● **EXERCISE BRIEF**
Look below for the line containing "#42=IFCMATERIALLAYERSET((#41),'Aluminium-framed insulated wall"; from there, print each line exactly up to and including the line containing "END-ISO-10303-21;", and stop.

● **GIVEN DATA**
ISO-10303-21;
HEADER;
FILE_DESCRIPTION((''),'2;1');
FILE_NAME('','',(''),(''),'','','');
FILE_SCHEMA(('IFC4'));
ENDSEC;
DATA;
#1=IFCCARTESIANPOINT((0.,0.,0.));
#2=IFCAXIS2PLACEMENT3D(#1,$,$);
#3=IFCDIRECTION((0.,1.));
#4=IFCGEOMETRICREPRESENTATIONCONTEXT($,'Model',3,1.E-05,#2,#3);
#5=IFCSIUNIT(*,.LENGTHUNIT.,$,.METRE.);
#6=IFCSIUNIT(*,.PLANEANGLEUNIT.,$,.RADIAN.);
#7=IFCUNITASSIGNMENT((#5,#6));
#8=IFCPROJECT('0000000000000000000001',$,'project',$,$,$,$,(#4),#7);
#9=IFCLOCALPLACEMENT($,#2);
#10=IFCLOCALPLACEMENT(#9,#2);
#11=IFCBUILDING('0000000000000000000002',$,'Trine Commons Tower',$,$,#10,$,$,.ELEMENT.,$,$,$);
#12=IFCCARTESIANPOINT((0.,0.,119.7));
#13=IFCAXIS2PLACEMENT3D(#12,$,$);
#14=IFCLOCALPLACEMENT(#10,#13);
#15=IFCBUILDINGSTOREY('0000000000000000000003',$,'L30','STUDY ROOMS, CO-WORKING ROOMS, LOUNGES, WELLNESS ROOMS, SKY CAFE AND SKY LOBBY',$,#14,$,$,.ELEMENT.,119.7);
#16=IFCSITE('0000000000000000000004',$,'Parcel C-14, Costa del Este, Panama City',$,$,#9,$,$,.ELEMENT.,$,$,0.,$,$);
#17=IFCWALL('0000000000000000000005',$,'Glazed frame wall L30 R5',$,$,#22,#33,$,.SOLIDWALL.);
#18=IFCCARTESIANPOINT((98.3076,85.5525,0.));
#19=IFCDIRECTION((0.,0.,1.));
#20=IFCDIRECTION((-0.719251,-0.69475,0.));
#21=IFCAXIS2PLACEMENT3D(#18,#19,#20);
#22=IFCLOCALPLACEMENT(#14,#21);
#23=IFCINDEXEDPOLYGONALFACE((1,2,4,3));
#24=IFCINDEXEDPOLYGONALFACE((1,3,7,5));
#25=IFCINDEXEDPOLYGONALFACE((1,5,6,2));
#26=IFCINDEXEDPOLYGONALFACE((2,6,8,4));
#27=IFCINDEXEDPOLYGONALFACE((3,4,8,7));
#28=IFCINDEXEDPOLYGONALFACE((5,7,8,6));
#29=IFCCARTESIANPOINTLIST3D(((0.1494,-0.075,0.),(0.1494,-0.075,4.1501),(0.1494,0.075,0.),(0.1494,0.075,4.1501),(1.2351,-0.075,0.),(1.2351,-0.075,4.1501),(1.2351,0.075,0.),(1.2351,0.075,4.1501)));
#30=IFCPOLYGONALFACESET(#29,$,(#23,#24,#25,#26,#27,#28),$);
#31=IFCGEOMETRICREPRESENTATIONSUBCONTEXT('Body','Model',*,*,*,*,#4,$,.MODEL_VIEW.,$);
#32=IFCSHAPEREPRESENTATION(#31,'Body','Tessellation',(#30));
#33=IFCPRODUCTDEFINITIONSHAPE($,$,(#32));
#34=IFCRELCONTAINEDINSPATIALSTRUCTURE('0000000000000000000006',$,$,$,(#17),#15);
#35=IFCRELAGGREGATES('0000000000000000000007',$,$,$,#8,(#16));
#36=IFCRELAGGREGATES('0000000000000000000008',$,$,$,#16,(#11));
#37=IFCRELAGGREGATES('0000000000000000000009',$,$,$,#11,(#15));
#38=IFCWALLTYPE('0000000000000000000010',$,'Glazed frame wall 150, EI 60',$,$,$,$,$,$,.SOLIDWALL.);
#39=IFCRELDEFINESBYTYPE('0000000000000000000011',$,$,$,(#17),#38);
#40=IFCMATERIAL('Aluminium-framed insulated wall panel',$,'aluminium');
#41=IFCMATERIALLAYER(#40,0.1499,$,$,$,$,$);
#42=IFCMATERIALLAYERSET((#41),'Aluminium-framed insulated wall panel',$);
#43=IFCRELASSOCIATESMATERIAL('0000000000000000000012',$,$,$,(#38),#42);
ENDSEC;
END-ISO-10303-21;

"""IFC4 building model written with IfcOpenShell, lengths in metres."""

from ifc_helpers import new_model, si_unit, direction, frame, origin, place, context, subcontext, project, spatial, polyline, outline, extrude, material, layer, layer_set, type_object, element, save


model = new_model("IFC4")

# Units and contexts
model_context = context("Model", 3, precision=1e-05, world=origin(), true_north=direction((0.0, 1.0)))
body_context = subcontext(model_context, "Body", "Model", "MODEL_VIEW")
ifc_project = project(units=[si_unit("LENGTHUNIT", "METRE"), si_unit("PLANEANGLEUNIT", "RADIAN")], contexts=[model_context])

# Site, building, storey
site_placement = place(None, origin())
site = spatial("IfcSite", under=ifc_project, at=site_placement, Name="Parcel C-14, Costa del Este, Panama City", CompositionType="ELEMENT", RefElevation=0.0)
building_placement = place(site_placement, origin())
building = spatial("IfcBuilding", under=site, at=building_placement, Name="Trine Commons Tower", CompositionType="ELEMENT")
storey_placement = place(building_placement, frame((0.0, 0.0, 119.7)))
storey = spatial("IfcBuildingStorey", under=building, at=storey_placement, Name="L30", Description="STUDY ROOMS, CO-WORKING ROOMS, LOUNGES, WELLNESS ROOMS, SKY CAFE AND SKY LOBBY", CompositionType="ELEMENT", Elevation=119.7)

# Wall
ifc_material_1 = material(Name="Aluminium-framed insulated wall panel", Category="aluminium")
ifc_layer_1 = layer(ifc_material_1, 0.1499)
ifc_layer_set_1 = layer_set([ifc_layer_1], Name="Aluminium-framed insulated wall panel")
wall_type = type_object("IfcWallType", Name="Glazed frame wall 150, EI 60", PredefinedType="SOLIDWALL", material=ifc_layer_set_1)
wall_placement = place(storey_placement, frame((98.3076, 85.5525, 0.0), z_axis=(0.0, 0.0, 1.0), x_axis=(-0.719251, -0.69475, 0.0)))
element("IfcWall", 1, at=wall_placement, inside=storey, type_object=wall_type, Name="Glazed frame wall L30 R5", PredefinedType="SOLIDWALL", context=body_context, shape_type="SweptSolid", body=[
    extrude(outline(polyline([(0.1494, 0.075), (0.1494, -0.075), (1.2351, -0.075), (1.2351, 0.075), (0.1494, 0.075)])), origin(), (0.0, 0.0, 1.0), 4.1501),
])

save(model, "model.ifc")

● **TASK RESULT**
#42=IFCMATERIALLAYERSET((#41),'Aluminium-framed insulated wall panel',$);
#43=IFCRELASSOCIATESMATERIAL('0000000000000000000012',$,$,$,(#38),#42);
ENDSEC;
END-ISO-10303-21;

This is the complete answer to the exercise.